* [YOUR OBJECTIVE]: The lines needed are those from the start of the records through the line holding "#139=IFCPRODUCTDEFINITIONSHAPE($,$,(#138));", each copied exactly.

:::::

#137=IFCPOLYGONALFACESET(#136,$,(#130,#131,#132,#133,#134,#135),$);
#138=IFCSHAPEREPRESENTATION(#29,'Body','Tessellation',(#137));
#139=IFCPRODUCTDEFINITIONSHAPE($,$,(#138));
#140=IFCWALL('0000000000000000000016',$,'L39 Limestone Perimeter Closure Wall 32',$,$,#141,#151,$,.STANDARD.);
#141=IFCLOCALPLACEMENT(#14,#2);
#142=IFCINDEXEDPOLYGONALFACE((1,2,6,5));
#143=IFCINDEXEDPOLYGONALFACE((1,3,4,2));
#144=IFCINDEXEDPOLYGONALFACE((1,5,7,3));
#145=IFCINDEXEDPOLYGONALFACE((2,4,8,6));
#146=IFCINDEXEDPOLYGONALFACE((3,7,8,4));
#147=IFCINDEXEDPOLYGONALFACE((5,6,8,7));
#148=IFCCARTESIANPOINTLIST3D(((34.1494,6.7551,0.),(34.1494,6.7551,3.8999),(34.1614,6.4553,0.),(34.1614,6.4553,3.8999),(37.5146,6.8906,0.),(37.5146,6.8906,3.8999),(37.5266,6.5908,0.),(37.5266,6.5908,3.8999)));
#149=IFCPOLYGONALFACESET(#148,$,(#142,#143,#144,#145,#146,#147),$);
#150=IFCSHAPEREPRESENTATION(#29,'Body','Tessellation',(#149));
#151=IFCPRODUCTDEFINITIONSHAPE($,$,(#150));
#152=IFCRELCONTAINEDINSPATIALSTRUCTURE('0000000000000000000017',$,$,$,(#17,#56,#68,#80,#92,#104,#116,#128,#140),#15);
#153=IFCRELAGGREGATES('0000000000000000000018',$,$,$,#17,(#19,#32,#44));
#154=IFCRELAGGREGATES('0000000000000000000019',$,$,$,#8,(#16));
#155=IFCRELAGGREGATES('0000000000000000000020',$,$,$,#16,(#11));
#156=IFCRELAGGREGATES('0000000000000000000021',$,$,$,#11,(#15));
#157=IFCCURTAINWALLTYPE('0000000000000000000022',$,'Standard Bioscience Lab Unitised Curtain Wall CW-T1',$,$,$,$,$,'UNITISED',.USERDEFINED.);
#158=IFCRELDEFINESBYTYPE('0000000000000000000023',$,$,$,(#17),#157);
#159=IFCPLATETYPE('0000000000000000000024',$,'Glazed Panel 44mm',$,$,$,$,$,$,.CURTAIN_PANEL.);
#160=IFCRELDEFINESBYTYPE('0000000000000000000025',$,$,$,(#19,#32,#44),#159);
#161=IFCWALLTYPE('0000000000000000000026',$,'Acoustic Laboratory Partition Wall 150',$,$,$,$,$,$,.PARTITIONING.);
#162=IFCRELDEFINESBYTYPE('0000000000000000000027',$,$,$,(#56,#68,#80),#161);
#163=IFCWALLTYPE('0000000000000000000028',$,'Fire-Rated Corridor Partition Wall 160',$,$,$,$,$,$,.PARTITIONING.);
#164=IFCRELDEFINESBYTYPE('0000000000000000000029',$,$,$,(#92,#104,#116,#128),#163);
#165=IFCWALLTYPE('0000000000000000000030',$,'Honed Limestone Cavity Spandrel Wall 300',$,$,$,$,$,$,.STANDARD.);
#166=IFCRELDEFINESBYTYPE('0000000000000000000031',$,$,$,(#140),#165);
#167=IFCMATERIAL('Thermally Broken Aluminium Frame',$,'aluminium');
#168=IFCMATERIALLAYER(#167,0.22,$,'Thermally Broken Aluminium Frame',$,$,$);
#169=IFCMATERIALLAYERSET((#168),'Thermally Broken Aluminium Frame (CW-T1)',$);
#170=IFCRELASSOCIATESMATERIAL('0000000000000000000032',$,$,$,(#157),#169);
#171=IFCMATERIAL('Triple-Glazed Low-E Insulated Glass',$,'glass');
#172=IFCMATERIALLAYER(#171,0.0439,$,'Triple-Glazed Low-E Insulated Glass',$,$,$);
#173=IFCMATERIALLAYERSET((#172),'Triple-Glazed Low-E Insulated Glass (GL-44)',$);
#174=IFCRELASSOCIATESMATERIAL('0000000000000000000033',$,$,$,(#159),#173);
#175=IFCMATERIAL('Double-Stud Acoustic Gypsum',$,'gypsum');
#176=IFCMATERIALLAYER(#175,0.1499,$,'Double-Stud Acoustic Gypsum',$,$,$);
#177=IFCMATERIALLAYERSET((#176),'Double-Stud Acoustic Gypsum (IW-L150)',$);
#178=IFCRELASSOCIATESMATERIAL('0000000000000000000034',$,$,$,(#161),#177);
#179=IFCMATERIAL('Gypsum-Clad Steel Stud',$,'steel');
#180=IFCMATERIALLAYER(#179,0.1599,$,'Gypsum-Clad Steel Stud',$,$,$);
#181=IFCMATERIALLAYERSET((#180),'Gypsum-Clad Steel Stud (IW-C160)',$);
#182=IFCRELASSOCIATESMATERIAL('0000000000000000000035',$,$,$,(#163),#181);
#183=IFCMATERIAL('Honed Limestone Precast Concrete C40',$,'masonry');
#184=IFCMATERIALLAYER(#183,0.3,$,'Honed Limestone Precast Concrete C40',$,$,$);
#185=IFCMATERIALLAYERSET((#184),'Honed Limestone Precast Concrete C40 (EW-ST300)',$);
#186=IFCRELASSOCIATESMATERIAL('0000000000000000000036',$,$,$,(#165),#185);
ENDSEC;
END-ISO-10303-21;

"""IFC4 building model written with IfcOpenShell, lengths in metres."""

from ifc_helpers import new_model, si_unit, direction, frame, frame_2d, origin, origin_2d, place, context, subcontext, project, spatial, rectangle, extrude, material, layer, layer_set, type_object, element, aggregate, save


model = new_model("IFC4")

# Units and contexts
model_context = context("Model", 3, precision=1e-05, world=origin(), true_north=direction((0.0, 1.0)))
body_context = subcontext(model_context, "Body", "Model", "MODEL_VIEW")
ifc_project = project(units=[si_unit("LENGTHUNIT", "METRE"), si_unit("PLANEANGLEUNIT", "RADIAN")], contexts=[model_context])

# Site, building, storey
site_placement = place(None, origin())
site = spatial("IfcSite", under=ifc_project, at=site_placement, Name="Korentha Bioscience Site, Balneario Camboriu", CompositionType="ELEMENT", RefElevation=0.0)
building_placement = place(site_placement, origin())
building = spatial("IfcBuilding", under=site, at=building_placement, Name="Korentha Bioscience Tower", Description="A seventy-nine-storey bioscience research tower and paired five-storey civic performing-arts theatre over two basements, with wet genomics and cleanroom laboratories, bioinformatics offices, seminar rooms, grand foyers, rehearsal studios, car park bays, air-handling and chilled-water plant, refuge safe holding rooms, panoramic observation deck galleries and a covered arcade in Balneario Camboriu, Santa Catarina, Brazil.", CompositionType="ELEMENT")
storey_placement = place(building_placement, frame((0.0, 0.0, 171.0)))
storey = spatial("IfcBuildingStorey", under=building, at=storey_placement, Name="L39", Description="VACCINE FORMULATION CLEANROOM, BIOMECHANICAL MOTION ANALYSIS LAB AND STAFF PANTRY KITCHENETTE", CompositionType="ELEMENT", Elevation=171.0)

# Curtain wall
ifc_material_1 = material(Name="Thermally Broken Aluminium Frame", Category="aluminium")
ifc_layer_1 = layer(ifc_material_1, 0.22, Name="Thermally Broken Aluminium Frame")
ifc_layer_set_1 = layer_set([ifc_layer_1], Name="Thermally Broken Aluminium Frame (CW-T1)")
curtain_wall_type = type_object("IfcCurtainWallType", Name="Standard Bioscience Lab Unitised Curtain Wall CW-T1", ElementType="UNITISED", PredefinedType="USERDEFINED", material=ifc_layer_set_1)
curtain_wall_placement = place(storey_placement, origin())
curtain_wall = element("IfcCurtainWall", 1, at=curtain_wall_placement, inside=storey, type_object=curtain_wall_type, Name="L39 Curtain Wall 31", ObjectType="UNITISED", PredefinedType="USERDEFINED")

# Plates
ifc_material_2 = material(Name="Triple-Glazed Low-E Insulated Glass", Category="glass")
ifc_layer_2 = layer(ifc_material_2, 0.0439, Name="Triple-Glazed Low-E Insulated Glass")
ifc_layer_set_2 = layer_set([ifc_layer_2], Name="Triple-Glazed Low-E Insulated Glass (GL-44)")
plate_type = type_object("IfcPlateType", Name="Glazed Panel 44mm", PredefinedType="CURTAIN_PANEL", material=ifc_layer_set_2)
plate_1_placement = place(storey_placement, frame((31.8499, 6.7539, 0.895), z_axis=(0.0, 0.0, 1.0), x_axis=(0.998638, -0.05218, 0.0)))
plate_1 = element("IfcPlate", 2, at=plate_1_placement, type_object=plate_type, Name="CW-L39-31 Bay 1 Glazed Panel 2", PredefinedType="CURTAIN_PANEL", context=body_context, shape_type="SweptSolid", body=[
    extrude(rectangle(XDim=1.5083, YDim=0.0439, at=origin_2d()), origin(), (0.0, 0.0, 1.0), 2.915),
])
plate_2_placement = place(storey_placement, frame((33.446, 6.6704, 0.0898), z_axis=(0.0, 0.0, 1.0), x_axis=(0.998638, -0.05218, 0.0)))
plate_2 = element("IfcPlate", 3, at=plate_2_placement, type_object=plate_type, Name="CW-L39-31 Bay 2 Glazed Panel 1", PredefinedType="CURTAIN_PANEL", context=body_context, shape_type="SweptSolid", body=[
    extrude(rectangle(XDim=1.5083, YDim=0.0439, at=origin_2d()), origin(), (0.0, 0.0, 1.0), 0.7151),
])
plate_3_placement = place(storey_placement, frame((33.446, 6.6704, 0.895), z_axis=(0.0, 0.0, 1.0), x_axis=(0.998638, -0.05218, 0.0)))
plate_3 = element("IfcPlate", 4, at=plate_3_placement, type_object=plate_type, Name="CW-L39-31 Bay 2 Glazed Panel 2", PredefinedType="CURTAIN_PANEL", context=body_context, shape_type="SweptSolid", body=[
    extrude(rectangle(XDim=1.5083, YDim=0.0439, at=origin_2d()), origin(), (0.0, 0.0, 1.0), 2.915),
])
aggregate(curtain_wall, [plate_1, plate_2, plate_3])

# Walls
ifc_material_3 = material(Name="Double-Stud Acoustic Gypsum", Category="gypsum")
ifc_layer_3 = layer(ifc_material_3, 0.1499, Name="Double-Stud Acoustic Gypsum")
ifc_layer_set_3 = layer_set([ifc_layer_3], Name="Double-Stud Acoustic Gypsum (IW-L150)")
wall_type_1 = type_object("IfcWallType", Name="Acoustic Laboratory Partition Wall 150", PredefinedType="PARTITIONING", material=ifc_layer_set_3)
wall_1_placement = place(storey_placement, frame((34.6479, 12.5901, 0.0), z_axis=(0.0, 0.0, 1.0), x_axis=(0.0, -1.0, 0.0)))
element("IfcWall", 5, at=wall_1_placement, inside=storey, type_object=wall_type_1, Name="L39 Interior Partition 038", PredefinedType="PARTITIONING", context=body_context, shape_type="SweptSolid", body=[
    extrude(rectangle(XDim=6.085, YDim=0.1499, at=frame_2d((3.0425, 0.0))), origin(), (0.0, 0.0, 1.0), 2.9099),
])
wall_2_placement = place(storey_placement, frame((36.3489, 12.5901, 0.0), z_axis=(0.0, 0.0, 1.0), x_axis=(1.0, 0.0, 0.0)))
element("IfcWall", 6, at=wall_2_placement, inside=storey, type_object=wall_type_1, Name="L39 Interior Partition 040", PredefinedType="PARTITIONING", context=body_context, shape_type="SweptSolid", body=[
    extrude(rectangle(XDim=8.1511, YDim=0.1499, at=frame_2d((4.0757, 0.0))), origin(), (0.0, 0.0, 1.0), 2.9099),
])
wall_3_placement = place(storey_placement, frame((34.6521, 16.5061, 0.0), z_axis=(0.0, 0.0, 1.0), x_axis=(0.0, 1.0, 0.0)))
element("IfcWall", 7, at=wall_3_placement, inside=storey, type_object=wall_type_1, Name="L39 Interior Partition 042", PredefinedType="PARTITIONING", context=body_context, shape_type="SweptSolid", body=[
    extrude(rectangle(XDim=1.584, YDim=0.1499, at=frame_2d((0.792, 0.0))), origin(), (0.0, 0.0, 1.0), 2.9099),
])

:::::

* [EXERCISE OUTPUT]:
#137=IFCPOLYGONALFACESET(#136,$,(#130,#131,#132,#133,#134,#135),$);
#138=IFCSHAPEREPRESENTATION(#29,'Body','Tessellation',(#137));
#139=IFCPRODUCTDEFINITIONSHAPE($,$,(#138));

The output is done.